Exercise brief:
From the records below, output exactly the lines running from the line containing "#46=IFCINDEXEDPOLYGONALFACE((1,5,6,2));" through the line containing "#49=IFCINDEXEDPOLYGONALFACE((5,7,8,6));", and no others.
- Opening Delimiter -
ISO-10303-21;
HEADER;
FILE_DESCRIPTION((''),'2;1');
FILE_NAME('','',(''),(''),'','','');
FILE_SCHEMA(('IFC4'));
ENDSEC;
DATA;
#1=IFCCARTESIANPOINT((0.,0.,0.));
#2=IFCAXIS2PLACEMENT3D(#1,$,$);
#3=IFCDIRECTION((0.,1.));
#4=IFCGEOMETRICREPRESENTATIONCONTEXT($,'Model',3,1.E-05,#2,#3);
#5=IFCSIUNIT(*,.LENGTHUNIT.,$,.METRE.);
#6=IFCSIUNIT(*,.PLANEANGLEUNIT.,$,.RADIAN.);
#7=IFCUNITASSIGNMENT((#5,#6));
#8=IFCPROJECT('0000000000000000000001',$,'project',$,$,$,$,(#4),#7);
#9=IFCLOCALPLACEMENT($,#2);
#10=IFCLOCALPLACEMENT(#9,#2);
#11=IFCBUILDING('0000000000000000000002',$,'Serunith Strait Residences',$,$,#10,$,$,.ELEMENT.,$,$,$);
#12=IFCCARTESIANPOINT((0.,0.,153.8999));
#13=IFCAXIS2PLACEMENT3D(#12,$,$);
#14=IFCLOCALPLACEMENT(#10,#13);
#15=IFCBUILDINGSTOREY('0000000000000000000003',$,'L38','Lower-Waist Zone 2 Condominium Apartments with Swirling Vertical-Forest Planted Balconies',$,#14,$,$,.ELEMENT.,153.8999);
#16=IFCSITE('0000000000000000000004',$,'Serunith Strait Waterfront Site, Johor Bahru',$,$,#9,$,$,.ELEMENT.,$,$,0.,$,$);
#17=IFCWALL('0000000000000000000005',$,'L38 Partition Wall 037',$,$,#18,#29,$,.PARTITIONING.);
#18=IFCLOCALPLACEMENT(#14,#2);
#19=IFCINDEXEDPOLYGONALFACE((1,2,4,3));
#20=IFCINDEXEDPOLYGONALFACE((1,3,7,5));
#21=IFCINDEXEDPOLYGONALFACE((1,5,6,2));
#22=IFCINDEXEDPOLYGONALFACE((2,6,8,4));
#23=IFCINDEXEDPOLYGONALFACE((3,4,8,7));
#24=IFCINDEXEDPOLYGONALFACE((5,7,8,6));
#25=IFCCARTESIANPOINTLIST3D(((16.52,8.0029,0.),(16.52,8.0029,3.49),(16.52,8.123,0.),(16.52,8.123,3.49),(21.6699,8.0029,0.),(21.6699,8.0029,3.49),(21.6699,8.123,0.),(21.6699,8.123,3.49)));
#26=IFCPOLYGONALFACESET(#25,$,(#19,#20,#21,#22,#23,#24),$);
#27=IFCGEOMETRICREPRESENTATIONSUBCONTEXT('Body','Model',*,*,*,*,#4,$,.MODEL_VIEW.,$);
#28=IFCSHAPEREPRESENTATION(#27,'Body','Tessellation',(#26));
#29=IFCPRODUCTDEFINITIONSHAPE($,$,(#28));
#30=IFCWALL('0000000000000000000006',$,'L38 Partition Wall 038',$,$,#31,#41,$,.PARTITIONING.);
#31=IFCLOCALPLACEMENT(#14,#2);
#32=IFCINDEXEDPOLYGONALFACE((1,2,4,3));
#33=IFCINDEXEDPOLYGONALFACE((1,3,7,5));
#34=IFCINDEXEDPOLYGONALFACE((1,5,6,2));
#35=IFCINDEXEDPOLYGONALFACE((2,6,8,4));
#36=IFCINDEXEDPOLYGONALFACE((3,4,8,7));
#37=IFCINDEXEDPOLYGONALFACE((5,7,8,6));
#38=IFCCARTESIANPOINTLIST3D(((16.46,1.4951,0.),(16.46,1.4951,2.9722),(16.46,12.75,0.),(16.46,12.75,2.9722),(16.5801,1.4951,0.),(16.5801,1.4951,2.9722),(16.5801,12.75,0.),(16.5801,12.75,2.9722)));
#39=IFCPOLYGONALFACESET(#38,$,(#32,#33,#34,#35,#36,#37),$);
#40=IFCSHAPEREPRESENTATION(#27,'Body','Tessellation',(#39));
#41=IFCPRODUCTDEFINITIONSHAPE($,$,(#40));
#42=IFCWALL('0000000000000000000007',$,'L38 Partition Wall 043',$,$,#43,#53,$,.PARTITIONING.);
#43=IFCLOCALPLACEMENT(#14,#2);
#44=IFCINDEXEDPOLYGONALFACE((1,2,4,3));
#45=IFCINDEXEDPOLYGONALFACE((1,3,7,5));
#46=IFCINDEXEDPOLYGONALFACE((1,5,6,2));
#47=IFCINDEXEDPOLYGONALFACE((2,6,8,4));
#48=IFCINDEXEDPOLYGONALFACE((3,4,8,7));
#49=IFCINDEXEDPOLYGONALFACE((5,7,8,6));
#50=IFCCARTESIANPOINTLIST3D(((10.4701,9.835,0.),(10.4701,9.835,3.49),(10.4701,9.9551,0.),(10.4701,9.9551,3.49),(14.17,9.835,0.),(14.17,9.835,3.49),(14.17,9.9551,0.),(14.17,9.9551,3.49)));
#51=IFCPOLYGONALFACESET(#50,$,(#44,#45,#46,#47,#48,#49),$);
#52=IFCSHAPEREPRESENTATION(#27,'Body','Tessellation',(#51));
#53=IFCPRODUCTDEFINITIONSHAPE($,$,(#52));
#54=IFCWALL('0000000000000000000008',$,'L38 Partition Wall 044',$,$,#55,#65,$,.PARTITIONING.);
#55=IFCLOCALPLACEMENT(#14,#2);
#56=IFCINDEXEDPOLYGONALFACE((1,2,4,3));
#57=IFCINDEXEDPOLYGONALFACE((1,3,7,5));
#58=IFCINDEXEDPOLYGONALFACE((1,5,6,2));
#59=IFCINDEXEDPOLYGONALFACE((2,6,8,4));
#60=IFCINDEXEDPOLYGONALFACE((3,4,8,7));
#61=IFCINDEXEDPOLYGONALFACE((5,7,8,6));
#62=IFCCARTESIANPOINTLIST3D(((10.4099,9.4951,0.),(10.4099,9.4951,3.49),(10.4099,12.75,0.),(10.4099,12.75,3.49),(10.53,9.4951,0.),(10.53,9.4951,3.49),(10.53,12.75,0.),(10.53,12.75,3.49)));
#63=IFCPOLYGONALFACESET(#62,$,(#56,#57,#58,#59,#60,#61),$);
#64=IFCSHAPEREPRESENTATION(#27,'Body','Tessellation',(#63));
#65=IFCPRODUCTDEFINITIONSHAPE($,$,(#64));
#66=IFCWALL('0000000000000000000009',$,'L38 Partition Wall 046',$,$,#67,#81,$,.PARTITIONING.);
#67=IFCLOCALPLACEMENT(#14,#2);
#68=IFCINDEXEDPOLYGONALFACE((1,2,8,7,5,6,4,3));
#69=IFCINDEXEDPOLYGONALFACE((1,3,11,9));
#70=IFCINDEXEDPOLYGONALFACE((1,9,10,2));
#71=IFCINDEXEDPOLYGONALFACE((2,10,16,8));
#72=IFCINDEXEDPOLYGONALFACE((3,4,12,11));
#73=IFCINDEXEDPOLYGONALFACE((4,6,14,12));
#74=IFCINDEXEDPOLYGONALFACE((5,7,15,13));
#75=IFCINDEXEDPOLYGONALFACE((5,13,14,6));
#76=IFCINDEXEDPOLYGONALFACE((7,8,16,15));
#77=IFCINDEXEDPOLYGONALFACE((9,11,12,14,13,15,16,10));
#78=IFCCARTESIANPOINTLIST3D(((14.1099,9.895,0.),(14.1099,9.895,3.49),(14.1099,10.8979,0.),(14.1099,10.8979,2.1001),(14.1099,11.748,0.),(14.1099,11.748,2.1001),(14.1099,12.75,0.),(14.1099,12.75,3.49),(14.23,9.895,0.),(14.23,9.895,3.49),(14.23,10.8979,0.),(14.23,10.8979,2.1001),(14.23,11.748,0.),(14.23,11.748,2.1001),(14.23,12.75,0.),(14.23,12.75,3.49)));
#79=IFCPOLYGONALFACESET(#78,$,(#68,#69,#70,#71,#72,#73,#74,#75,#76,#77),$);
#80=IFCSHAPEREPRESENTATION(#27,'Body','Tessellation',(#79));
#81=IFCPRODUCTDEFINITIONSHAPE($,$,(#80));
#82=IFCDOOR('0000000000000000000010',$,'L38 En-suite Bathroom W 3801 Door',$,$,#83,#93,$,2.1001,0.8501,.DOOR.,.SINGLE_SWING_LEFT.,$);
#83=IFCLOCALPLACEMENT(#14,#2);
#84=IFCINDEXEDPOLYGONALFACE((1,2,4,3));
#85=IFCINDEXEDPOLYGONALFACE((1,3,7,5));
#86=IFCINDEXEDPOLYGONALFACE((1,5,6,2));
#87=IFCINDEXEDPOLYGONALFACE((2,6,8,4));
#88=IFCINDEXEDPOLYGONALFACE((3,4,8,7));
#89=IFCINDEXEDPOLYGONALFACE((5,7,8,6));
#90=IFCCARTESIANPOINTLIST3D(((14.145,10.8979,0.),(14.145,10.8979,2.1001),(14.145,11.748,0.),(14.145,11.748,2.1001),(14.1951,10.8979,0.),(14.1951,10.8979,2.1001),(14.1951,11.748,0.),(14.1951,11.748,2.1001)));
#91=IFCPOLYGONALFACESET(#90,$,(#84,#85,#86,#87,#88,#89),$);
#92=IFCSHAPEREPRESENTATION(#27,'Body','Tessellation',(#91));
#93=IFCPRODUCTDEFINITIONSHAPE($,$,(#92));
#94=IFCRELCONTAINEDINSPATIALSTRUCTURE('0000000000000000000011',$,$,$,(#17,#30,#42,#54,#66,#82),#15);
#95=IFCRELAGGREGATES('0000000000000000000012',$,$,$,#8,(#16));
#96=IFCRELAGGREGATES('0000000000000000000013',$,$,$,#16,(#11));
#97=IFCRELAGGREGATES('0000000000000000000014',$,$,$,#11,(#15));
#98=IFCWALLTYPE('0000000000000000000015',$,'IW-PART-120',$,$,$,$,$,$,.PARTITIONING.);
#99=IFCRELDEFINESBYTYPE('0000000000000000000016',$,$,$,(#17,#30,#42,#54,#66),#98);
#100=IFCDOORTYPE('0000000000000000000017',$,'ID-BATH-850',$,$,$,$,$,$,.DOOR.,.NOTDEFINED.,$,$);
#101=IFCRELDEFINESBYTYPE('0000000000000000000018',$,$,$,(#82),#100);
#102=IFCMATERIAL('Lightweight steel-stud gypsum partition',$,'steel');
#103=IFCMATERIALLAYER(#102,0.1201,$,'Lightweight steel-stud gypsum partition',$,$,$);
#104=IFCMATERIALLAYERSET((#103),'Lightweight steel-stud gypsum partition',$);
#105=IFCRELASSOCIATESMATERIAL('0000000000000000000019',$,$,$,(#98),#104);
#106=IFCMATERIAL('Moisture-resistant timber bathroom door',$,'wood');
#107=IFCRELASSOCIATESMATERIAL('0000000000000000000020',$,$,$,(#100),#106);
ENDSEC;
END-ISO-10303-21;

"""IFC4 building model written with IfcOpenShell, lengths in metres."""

from ifc_helpers import new_model, si_unit, direction, frame, frame_2d, origin, place, context, subcontext, project, spatial, rectangle, extrude, source, transform, mapped, material, layer, layer_set, type_object, element, fill, save


model = new_model("IFC4")

# Units and contexts
model_context = context("Model", 3, precision=1e-05, world=origin(), true_north=direction((0.0, 1.0)))
body_context = subcontext(model_context, "Body", "Model", "MODEL_VIEW")
ifc_project = project(units=[si_unit("LENGTHUNIT", "METRE"), si_unit("PLANEANGLEUNIT", "RADIAN")], contexts=[model_context])

# Site, building, storey
site_placement = place(None, origin())
site = spatial("IfcSite", under=ifc_project, at=site_placement, Name="Serunith Strait Waterfront Site, Johor Bahru", CompositionType="ELEMENT", RefElevation=0.0)
building_placement = place(site_placement, origin())
building = spatial("IfcBuilding", under=site, at=building_placement, Name="Serunith Strait Residences", CompositionType="ELEMENT")
storey_placement = place(building_placement, frame((0.0, 0.0, 153.8999)))
storey = spatial("IfcBuildingStorey", under=building, at=storey_placement, Name="L38", Description="Lower-Waist Zone 2 Condominium Apartments with Swirling Vertical-Forest Planted Balconies", CompositionType="ELEMENT", Elevation=153.8999)

# Walls
ifc_material_1 = material(Name="Lightweight steel-stud gypsum partition", Category="steel")
ifc_layer_1 = layer(ifc_material_1, 0.1201, Name="Lightweight steel-stud gypsum partition")
ifc_layer_set_1 = layer_set([ifc_layer_1], Name="Lightweight steel-stud gypsum partition")
wall_type_1 = type_object("IfcWallType", Name="IW-PART-120", PredefinedType="PARTITIONING", material=ifc_layer_set_1)
wall_1_placement = place(storey_placement, frame((16.52, 8.063, 0.0), z_axis=(0.0, 0.0, 1.0), x_axis=(1.0, 0.0, 0.0)))
element("IfcWall", 1, at=wall_1_placement, inside=storey, type_object=wall_type_1, Name="L38 Partition Wall 037", PredefinedType="PARTITIONING", context=body_context, shape_type="SweptSolid", body=[
    extrude(rectangle(XDim=5.1499, YDim=0.1201, at=frame_2d((2.575, 0.0))), origin(), (0.0, 0.0, 1.0), 3.49),
])
wall_2_placement = place(storey_placement, frame((16.52, 1.4951, 0.0), z_axis=(0.0, 0.0, 1.0), x_axis=(0.0, 1.0, 0.0)))
element("IfcWall", 2, at=wall_2_placement, inside=storey, type_object=wall_type_1, Name="L38 Partition Wall 038", PredefinedType="PARTITIONING", context=body_context, shape_type="SweptSolid", body=[
    extrude(rectangle(XDim=11.2549, YDim=0.1201, at=frame_2d((5.6274, 0.0))), origin(), (0.0, 0.0, 1.0), 2.9722),
])
wall_3_placement = place(storey_placement, frame((10.47, 9.895, 0.0), z_axis=(0.0, 0.0, 1.0), x_axis=(1.0, 0.0, 0.0)))
element("IfcWall", 3, at=wall_3_placement, inside=storey, type_object=wall_type_1, Name="L38 Partition Wall 043", PredefinedType="PARTITIONING", context=body_context, shape_type="SweptSolid", body=[
    extrude(rectangle(XDim=3.7, YDim=0.1201, at=frame_2d((1.8501, 0.0))), origin(), (0.0, 0.0, 1.0), 3.49),
])
wall_4_placement = place(storey_placement, frame((10.47, 9.4951, 0.0), z_axis=(0.0, 0.0, 1.0), x_axis=(0.0, 1.0, 0.0)))
element("IfcWall", 4, at=wall_4_placement, inside=storey, type_object=wall_type_1, Name="L38 Partition Wall 044", PredefinedType="PARTITIONING", context=body_context, shape_type="SweptSolid", body=[
    extrude(rectangle(XDim=3.2549, YDim=0.1201, at=frame_2d((1.6274, 0.0))), origin(), (0.0, 0.0, 1.0), 3.49),
])

# Wall, opening, door
wall_5_placement = place(storey_placement, frame((14.1699, 9.895, 0.0), z_axis=(0.0, 0.0, 1.0), x_axis=(0.0, 1.0, 0.0)))
wall_5 = element("IfcWall", 5, at=wall_5_placement, inside=storey, type_object=wall_type_1, Name="L38 Partition Wall 046", PredefinedType="PARTITIONING", context=body_context, shape_type="SweptSolid", body=[
    extrude(rectangle(XDim=2.855, YDim=0.1201, at=frame_2d((1.4275, 0.0))), origin(), (0.0, 0.0, 1.0), 3.49),
])
opening_1_placement = place(wall_5_placement, frame((1.0029, 0.0, 0.0)))
opening_1 = element("IfcOpeningElement", 6, at=opening_1_placement, cuts=wall_5, PredefinedType="OPENING", context=body_context, shape_type="SweptSolid", body=[
    extrude(rectangle(XDim=0.8501, YDim=2.1001, at=frame_2d((0.425, 1.05))), frame((0.0, 0.0701, 0.0), z_axis=(0.0, -1.0, 0.0), x_axis=(1.0, 0.0, 0.0)), (0.0, 0.0, 1.0), 0.1401),
])
ifc_material_2 = material(Name="Moisture-resistant timber bathroom door", Category="wood")
door_type = type_object("IfcDoorType", Name="ID-BATH-850", OperationType="NOTDEFINED", PredefinedType="DOOR", material=ifc_material_2)
shared_shape_1 = source(origin(), body_context, "Body", "SweptSolid", [
    extrude(rectangle(XDim=0.8501, YDim=2.1001, at=frame_2d((0.425, 1.05))), frame((0.0, 0.0249, 0.0), z_axis=(0.0, -1.0, 0.0), x_axis=(1.0, 0.0, 0.0)), (0.0, 0.0, 1.0), 0.05),
])
door_placement = place(opening_1_placement, origin())
door = element("IfcDoor", 7, at=door_placement, inside=storey, type_object=door_type, Name="L38 En-suite Bathroom W 3801 Door", OperationType="SINGLE_SWING_LEFT", OverallHeight=2.1001, OverallWidth=0.8501, PredefinedType="DOOR", context=body_context, shape_type="MappedRepresentation", body=[
    mapped(shared_shape_1, transform((0.0, 0.0, 0.0), scale=1.0)),
])
fill(opening_1, door)

save(model, "model.ifc")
- Closing Delimiter -
Answer to this problem:
#46=IFCINDEXEDPOLYGONALFACE((1,5,6,2));
#47=IFCINDEXEDPOLYGONALFACE((2,6,8,4));
#48=IFCINDEXEDPOLYGONALFACE((3,4,8,7));
#49=IFCINDEXEDPOLYGONALFACE((5,7,8,6));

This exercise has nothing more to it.